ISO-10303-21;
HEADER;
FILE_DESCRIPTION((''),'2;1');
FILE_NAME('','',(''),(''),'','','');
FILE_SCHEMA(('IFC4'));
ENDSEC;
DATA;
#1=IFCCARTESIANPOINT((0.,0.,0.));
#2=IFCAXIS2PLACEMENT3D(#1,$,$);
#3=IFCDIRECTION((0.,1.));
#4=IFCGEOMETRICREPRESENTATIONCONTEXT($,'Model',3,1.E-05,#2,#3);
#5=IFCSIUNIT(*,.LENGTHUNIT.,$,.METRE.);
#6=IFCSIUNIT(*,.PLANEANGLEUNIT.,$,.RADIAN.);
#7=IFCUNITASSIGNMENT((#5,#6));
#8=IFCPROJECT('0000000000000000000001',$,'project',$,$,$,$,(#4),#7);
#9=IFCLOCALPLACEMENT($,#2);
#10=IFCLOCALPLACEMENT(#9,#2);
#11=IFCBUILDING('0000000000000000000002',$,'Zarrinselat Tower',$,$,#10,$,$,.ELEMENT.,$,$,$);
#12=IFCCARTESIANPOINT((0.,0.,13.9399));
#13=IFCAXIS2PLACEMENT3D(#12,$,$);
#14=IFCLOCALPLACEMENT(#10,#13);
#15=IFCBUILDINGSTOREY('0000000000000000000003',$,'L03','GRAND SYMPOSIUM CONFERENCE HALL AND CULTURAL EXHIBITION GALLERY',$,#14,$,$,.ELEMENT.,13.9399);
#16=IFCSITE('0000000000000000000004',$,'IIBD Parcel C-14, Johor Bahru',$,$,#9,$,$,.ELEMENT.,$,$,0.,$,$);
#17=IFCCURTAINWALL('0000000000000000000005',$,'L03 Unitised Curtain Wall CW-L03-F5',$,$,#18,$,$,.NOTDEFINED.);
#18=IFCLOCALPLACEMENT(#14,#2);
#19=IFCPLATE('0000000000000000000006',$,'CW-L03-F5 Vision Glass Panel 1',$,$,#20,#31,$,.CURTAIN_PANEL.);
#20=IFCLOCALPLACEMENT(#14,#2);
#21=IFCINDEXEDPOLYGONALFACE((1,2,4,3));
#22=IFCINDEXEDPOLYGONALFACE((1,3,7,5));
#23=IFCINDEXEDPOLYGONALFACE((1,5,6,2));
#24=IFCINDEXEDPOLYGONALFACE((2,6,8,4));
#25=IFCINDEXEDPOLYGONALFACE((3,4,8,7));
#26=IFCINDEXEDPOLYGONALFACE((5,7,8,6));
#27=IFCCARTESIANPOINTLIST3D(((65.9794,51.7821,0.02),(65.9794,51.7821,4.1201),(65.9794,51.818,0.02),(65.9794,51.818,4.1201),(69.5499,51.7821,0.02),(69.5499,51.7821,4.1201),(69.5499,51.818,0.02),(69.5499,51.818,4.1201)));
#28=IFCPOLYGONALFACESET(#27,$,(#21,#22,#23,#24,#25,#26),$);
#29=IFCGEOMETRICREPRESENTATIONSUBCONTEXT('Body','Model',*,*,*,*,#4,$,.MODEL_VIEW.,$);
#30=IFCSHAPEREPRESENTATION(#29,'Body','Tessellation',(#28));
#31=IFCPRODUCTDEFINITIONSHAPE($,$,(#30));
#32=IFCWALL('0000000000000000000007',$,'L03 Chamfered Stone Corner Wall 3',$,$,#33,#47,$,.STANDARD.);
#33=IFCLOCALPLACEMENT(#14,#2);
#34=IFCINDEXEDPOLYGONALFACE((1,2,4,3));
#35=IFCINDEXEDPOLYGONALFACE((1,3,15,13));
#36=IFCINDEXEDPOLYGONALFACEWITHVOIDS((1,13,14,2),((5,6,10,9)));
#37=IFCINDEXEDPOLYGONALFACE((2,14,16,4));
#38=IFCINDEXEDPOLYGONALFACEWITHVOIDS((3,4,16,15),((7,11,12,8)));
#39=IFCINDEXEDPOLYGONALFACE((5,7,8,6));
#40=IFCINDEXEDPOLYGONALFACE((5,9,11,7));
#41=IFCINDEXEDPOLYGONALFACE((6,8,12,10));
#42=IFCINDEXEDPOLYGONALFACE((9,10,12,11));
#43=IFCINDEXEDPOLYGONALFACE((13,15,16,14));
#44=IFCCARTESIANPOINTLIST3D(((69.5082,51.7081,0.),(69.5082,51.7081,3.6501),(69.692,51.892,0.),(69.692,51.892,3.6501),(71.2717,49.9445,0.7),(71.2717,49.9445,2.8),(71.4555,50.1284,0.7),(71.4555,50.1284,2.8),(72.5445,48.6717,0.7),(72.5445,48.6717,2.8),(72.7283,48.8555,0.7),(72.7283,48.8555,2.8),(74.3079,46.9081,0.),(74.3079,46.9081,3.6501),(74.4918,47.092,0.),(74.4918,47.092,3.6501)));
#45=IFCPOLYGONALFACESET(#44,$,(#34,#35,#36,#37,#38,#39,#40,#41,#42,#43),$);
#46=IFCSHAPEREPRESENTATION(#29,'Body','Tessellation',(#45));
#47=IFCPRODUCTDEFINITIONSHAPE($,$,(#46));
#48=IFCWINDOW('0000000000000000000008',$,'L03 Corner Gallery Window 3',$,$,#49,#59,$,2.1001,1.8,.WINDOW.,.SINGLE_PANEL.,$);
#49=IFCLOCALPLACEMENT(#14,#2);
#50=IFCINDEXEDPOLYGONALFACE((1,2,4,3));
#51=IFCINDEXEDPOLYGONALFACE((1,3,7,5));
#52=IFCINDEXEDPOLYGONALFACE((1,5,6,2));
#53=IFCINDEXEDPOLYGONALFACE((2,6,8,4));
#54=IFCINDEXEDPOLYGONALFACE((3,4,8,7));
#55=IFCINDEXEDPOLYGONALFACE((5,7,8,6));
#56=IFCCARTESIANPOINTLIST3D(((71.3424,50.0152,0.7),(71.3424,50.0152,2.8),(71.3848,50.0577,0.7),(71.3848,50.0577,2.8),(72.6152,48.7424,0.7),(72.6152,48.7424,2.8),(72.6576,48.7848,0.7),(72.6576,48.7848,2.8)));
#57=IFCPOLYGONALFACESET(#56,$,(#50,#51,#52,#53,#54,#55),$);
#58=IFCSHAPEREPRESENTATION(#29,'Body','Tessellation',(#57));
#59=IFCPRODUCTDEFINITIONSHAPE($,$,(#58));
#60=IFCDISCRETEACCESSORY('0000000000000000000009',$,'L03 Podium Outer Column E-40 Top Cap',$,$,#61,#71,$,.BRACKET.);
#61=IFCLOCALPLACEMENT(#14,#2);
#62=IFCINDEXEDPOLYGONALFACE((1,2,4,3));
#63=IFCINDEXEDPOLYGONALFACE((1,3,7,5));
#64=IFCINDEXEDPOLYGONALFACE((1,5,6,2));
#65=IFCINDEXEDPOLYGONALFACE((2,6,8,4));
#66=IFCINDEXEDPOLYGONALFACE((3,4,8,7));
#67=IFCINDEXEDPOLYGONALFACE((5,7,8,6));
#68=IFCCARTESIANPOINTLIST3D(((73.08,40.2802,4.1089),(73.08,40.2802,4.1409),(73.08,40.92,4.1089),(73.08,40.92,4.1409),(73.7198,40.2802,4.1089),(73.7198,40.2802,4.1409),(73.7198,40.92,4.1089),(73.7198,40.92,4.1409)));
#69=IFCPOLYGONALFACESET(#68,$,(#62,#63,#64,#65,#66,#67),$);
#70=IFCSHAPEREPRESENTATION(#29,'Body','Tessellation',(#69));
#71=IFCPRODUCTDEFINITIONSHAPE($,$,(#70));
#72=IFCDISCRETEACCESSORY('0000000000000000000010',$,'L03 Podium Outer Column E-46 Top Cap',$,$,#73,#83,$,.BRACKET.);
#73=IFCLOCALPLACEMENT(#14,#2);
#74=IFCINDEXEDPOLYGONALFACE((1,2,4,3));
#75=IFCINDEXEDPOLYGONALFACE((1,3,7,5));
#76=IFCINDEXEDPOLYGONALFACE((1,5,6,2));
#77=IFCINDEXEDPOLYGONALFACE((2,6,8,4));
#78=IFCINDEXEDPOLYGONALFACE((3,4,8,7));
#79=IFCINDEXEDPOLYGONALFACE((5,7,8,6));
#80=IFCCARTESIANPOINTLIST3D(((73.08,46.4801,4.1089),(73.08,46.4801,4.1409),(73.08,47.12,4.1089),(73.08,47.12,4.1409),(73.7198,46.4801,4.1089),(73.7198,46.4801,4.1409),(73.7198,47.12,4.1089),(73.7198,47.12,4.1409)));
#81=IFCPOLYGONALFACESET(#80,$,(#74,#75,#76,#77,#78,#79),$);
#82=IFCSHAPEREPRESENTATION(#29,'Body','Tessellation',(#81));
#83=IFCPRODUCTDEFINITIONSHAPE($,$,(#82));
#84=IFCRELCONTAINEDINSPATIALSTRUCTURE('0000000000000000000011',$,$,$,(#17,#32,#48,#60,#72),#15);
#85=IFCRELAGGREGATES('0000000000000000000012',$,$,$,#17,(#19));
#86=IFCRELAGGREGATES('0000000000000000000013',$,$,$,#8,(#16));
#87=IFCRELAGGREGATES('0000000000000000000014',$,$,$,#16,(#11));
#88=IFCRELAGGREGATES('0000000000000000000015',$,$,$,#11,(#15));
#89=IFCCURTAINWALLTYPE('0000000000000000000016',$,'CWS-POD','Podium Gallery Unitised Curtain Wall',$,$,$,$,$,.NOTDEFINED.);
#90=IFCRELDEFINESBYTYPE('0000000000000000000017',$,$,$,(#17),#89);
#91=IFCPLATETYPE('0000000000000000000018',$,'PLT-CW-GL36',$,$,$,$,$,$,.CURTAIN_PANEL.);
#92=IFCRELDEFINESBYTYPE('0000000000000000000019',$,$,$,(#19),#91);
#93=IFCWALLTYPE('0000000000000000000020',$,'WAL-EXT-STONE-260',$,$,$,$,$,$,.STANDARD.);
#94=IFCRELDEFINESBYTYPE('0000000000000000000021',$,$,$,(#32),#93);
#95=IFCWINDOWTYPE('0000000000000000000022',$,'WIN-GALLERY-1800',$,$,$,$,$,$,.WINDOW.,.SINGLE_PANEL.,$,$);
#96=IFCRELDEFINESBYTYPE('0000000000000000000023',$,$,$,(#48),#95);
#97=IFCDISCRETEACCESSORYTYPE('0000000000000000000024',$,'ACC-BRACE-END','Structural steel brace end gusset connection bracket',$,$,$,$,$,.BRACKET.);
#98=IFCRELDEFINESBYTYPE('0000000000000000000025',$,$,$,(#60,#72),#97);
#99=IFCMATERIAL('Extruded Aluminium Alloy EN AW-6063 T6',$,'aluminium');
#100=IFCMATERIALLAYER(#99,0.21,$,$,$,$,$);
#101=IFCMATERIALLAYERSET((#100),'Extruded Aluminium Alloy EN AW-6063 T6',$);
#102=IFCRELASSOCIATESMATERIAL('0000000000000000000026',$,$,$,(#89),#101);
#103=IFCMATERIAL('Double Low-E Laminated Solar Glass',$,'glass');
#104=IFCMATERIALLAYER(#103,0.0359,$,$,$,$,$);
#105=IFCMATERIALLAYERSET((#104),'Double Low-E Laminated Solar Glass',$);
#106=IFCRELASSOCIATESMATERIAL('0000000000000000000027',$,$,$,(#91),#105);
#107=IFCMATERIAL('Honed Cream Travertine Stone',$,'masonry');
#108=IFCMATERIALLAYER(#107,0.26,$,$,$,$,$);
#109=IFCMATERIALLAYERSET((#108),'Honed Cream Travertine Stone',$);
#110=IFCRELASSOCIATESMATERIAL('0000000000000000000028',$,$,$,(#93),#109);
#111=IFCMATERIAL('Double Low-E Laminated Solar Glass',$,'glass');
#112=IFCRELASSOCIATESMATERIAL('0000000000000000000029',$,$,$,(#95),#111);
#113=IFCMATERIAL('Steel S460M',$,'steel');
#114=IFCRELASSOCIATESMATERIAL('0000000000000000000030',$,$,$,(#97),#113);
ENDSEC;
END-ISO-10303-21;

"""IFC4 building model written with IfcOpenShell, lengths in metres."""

from ifc_helpers import new_model, si_unit, direction, frame, frame_2d, origin, origin_2d, place, context, subcontext, project, spatial, rectangle, extrude, material, layer, layer_set, type_object, element, fill, aggregate, save


model = new_model("IFC4")

# Units and contexts
model_context = context("Model", 3, precision=1e-05, world=origin(), true_north=direction((0.0, 1.0)))
body_context = subcontext(model_context, "Body", "Model", "MODEL_VIEW")
ifc_project = project(units=[si_unit("LENGTHUNIT", "METRE"), si_unit("PLANEANGLEUNIT", "RADIAN")], contexts=[model_context])

# Site, building, storey
site_placement = place(None, origin())
site = spatial("IfcSite", under=ifc_project, at=site_placement, Name="IIBD Parcel C-14, Johor Bahru", CompositionType="ELEMENT", RefElevation=0.0)
building_placement = place(site_placement, origin())
building = spatial("IfcBuilding", under=site, at=building_placement, Name="Zarrinselat Tower", CompositionType="ELEMENT")
storey_placement = place(building_placement, frame((0.0, 0.0, 13.9399)))
storey = spatial("IfcBuildingStorey", under=building, at=storey_placement, Name="L03", Description="GRAND SYMPOSIUM CONFERENCE HALL AND CULTURAL EXHIBITION GALLERY", CompositionType="ELEMENT", Elevation=13.9399)

# Curtain wall
ifc_material_1 = material(Name="Extruded Aluminium Alloy EN AW-6063 T6", Category="aluminium")
ifc_layer_1 = layer(ifc_material_1, 0.21)
ifc_layer_set_1 = layer_set([ifc_layer_1], Name="Extruded Aluminium Alloy EN AW-6063 T6")
curtain_wall_type = type_object("IfcCurtainWallType", Name="CWS-POD", Description="Podium Gallery Unitised Curtain Wall", PredefinedType="NOTDEFINED", material=ifc_layer_set_1)
curtain_wall_1_placement = place(storey_placement, origin())
curtain_wall_1 = element("IfcCurtainWall", 1, at=curtain_wall_1_placement, inside=storey, type_object=curtain_wall_type, Name="L03 Unitised Curtain Wall CW-L03-F5", PredefinedType="NOTDEFINED")

# Plate
ifc_material_2 = material(Name="Double Low-E Laminated Solar Glass", Category="glass")
ifc_layer_2 = layer(ifc_material_2, 0.0359)
ifc_layer_set_2 = layer_set([ifc_layer_2], Name="Double Low-E Laminated Solar Glass")
plate_type = type_object("IfcPlateType", Name="PLT-CW-GL36", PredefinedType="CURTAIN_PANEL", material=ifc_layer_set_2)
plate_1_placement = place(storey_placement, frame((67.7646, 51.8, 0.02), z_axis=(0.0, 0.0, 1.0), x_axis=(-1.0, 0.0, 0.0)))
plate_1 = element("IfcPlate", 2, at=plate_1_placement, type_object=plate_type, Name="CW-L03-F5 Vision Glass Panel 1", PredefinedType="CURTAIN_PANEL", context=body_context, shape_type="SweptSolid", body=[
    extrude(rectangle(XDim=3.5706, YDim=0.0359, at=origin_2d()), origin(), (0.0, 0.0, 1.0), 4.1001),
])
aggregate(curtain_wall_1, [plate_1])

# Wall, opening, window
ifc_material_3 = material(Name="Honed Cream Travertine Stone", Category="masonry")
ifc_layer_3 = layer(ifc_material_3, 0.26)
ifc_layer_set_3 = layer_set([ifc_layer_3], Name="Honed Cream Travertine Stone")
wall_type = type_object("IfcWallType", Name="WAL-EXT-STONE-260", PredefinedType="STANDARD", material=ifc_layer_set_3)
wall_placement = place(storey_placement, frame((69.6001, 51.8, 0.0), z_axis=(0.0, 0.0, 1.0), x_axis=(0.707089, -0.707125, 0.0)))
wall = element("IfcWall", 3, at=wall_placement, inside=storey, type_object=wall_type, Name="L03 Chamfered Stone Corner Wall 3", PredefinedType="STANDARD", context=body_context, shape_type="SweptSolid", body=[
    extrude(rectangle(XDim=6.7881, YDim=0.26, at=frame_2d((3.394, 0.0))), origin(), (0.0, 0.0, 1.0), 3.6501),
])
opening_placement = place(wall_placement, frame((2.4941, 0.0, 0.7)))
opening = element("IfcOpeningElement", 4, at=opening_placement, cuts=wall, PredefinedType="OPENING", context=body_context, shape_type="SweptSolid", body=[
    extrude(rectangle(XDim=1.8, YDim=2.1001, at=frame_2d((0.8999, 1.05))), frame((0.0, 0.1399, 0.0), z_axis=(0.0, -1.0, 0.0), x_axis=(1.0, 0.0, 0.0)), (0.0, 0.0, 1.0), 0.28),
])
ifc_material_4 = material(Name="Double Low-E Laminated Solar Glass", Category="glass")
window_type = type_object("IfcWindowType", Name="WIN-GALLERY-1800", PartitioningType="SINGLE_PANEL", PredefinedType="WINDOW", material=ifc_material_4)
window_placement = place(opening_placement, origin())
window = element("IfcWindow", 5, at=window_placement, inside=storey, type_object=window_type, Name="L03 Corner Gallery Window 3", OverallHeight=2.1001, OverallWidth=1.8, PartitioningType="SINGLE_PANEL", PredefinedType="WINDOW", context=body_context, shape_type="SweptSolid", body=[
    extrude(rectangle(XDim=1.8, YDim=2.1001, at=frame_2d((0.8999, 1.05))), frame((0.0, 0.03, 0.0), z_axis=(0.0, -1.0, 0.0), x_axis=(1.0, 0.0, 0.0)), (0.0, 0.0, 1.0), 0.0601),
])
fill(opening, window)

——

- _Task to carry out_
Return, line for line and unchanged, the data from its first line through the line containing "#38=IFCINDEXEDPOLYGONALFACEWITHVOIDS((3,4,16,15),((7,11,12,8)));".

- _Answer area_
ISO-10303-21;
HEADER;
FILE_DESCRIPTION((''),'2;1');
FILE_NAME('','',(''),(''),'','','');
FILE_SCHEMA(('IFC4'));
ENDSEC;
DATA;
#1=IFCCARTESIANPOINT((0.,0.,0.));
#2=IFCAXIS2PLACEMENT3D(#1,$,$);
#3=IFCDIRECTION((0.,1.));
#4=IFCGEOMETRICREPRESENTATIONCONTEXT($,'Model',3,1.E-05,#2,#3);
#5=IFCSIUNIT(*,.LENGTHUNIT.,$,.METRE.);
#6=IFCSIUNIT(*,.PLANEANGLEUNIT.,$,.RADIAN.);
#7=IFCUNITASSIGNMENT((#5,#6));
#8=IFCPROJECT('0000000000000000000001',$,'project',$,$,$,$,(#4),#7);
#9=IFCLOCALPLACEMENT($,#2);
#10=IFCLOCALPLACEMENT(#9,#2);
#11=IFCBUILDING('0000000000000000000002',$,'Zarrinselat Tower',$,$,#10,$,$,.ELEMENT.,$,$,$);
#12=IFCCARTESIANPOINT((0.,0.,13.9399));
#13=IFCAXIS2PLACEMENT3D(#12,$,$);
#14=IFCLOCALPLACEMENT(#10,#13);
#15=IFCBUILDINGSTOREY('0000000000000000000003',$,'L03','GRAND SYMPOSIUM CONFERENCE HALL AND CULTURAL EXHIBITION GALLERY',$,#14,$,$,.ELEMENT.,13.9399);
#16=IFCSITE('0000000000000000000004',$,'IIBD Parcel C-14, Johor Bahru',$,$,#9,$,$,.ELEMENT.,$,$,0.,$,$);
#17=IFCCURTAINWALL('0000000000000000000005',$,'L03 Unitised Curtain Wall CW-L03-F5',$,$,#18,$,$,.NOTDEFINED.);
#18=IFCLOCALPLACEMENT(#14,#2);
#19=IFCPLATE('0000000000000000000006',$,'CW-L03-F5 Vision Glass Panel 1',$,$,#20,#31,$,.CURTAIN_PANEL.);
#20=IFCLOCALPLACEMENT(#14,#2);
#21=IFCINDEXEDPOLYGONALFACE((1,2,4,3));
#22=IFCINDEXEDPOLYGONALFACE((1,3,7,5));
#23=IFCINDEXEDPOLYGONALFACE((1,5,6,2));
#24=IFCINDEXEDPOLYGONALFACE((2,6,8,4));
#25=IFCINDEXEDPOLYGONALFACE((3,4,8,7));
#26=IFCINDEXEDPOLYGONALFACE((5,7,8,6));
#27=IFCCARTESIANPOINTLIST3D(((65.9794,51.7821,0.02),(65.9794,51.7821,4.1201),(65.9794,51.818,0.02),(65.9794,51.818,4.1201),(69.5499,51.7821,0.02),(69.5499,51.7821,4.1201),(69.5499,51.818,0.02),(69.5499,51.818,4.1201)));
#28=IFCPOLYGONALFACESET(#27,$,(#21,#22,#23,#24,#25,#26),$);
#29=IFCGEOMETRICREPRESENTATIONSUBCONTEXT('Body','Model',*,*,*,*,#4,$,.MODEL_VIEW.,$);
#30=IFCSHAPEREPRESENTATION(#29,'Body','Tessellation',(#28));
#31=IFCPRODUCTDEFINITIONSHAPE($,$,(#30));
#32=IFCWALL('0000000000000000000007',$,'L03 Chamfered Stone Corner Wall 3',$,$,#33,#47,$,.STANDARD.);
#33=IFCLOCALPLACEMENT(#14,#2);
#34=IFCINDEXEDPOLYGONALFACE((1,2,4,3));
#35=IFCINDEXEDPOLYGONALFACE((1,3,15,13));
#36=IFCINDEXEDPOLYGONALFACEWITHVOIDS((1,13,14,2),((5,6,10,9)));
#37=IFCINDEXEDPOLYGONALFACE((2,14,16,4));
#38=IFCINDEXEDPOLYGONALFACEWITHVOIDS((3,4,16,15),((7,11,12,8)));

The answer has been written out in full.